_Directions for this task_. Your response should consist of every record, exactly as given.

■ ■ ■ ■ ■

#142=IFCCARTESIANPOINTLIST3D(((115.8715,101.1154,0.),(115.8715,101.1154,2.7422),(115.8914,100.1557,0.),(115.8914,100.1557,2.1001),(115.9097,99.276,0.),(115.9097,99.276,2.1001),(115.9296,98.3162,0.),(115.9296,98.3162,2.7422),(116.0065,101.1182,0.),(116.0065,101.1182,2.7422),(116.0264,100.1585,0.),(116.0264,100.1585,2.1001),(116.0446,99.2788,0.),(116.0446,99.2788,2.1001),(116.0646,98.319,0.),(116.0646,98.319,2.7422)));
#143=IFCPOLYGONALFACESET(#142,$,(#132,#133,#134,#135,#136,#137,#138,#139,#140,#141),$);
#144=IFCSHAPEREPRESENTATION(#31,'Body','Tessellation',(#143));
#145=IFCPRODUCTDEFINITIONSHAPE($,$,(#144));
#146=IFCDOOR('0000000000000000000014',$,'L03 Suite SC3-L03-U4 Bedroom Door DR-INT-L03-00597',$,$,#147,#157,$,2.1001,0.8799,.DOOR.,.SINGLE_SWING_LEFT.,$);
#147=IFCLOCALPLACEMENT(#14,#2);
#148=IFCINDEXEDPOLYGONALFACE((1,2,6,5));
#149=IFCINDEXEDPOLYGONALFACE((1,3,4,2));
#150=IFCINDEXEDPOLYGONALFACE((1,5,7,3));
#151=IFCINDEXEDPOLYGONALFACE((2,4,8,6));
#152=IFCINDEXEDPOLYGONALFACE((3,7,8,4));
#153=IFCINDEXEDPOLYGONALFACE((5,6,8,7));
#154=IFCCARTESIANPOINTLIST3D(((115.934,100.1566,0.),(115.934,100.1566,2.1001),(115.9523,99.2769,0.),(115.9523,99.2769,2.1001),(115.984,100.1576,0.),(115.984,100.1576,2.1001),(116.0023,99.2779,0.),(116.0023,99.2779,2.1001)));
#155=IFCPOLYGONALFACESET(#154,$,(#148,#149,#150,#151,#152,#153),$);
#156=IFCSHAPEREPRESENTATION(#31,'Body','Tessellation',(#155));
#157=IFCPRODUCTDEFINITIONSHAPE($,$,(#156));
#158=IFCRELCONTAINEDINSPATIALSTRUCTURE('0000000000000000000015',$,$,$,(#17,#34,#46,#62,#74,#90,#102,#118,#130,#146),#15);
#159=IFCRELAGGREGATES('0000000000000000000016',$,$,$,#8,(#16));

■ ■ ■ ■ ■

_Expected output_.
#142=IFCCARTESIANPOINTLIST3D(((115.8715,101.1154,0.),(115.8715,101.1154,2.7422),(115.8914,100.1557,0.),(115.8914,100.1557,2.1001),(115.9097,99.276,0.),(115.9097,99.276,2.1001),(115.9296,98.3162,0.),(115.9296,98.3162,2.7422),(116.0065,101.1182,0.),(116.0065,101.1182,2.7422),(116.0264,100.1585,0.),(116.0264,100.1585,2.1001),(116.0446,99.2788,0.),(116.0446,99.2788,2.1001),(116.0646,98.319,0.),(116.0646,98.319,2.7422)));
#143=IFCPOLYGONALFACESET(#142,$,(#132,#133,#134,#135,#136,#137,#138,#139,#140,#141),$);
#144=IFCSHAPEREPRESENTATION(#31,'Body','Tessellation',(#143));
#145=IFCPRODUCTDEFINITIONSHAPE($,$,(#144));
#146=IFCDOOR('0000000000000000000014',$,'L03 Suite SC3-L03-U4 Bedroom Door DR-INT-L03-00597',$,$,#147,#157,$,2.1001,0.8799,.DOOR.,.SINGLE_SWING_LEFT.,$);
#147=IFCLOCALPLACEMENT(#14,#2);
#148=IFCINDEXEDPOLYGONALFACE((1,2,6,5));
#149=IFCINDEXEDPOLYGONALFACE((1,3,4,2));
#150=IFCINDEXEDPOLYGONALFACE((1,5,7,3));
#151=IFCINDEXEDPOLYGONALFACE((2,4,8,6));
#152=IFCINDEXEDPOLYGONALFACE((3,7,8,4));
#153=IFCINDEXEDPOLYGONALFACE((5,6,8,7));
#154=IFCCARTESIANPOINTLIST3D(((115.934,100.1566,0.),(115.934,100.1566,2.1001),(115.9523,99.2769,0.),(115.9523,99.2769,2.1001),(115.984,100.1576,0.),(115.984,100.1576,2.1001),(116.0023,99.2779,0.),(116.0023,99.2779,2.1001)));
#155=IFCPOLYGONALFACESET(#154,$,(#148,#149,#150,#151,#152,#153),$);
#156=IFCSHAPEREPRESENTATION(#31,'Body','Tessellation',(#155));
#157=IFCPRODUCTDEFINITIONSHAPE($,$,(#156));
#158=IFCRELCONTAINEDINSPATIALSTRUCTURE('0000000000000000000015',$,$,$,(#17,#34,#46,#62,#74,#90,#102,#118,#130,#146),#15);
#159=IFCRELAGGREGATES('0000000000000000000016',$,$,$,#8,(#16));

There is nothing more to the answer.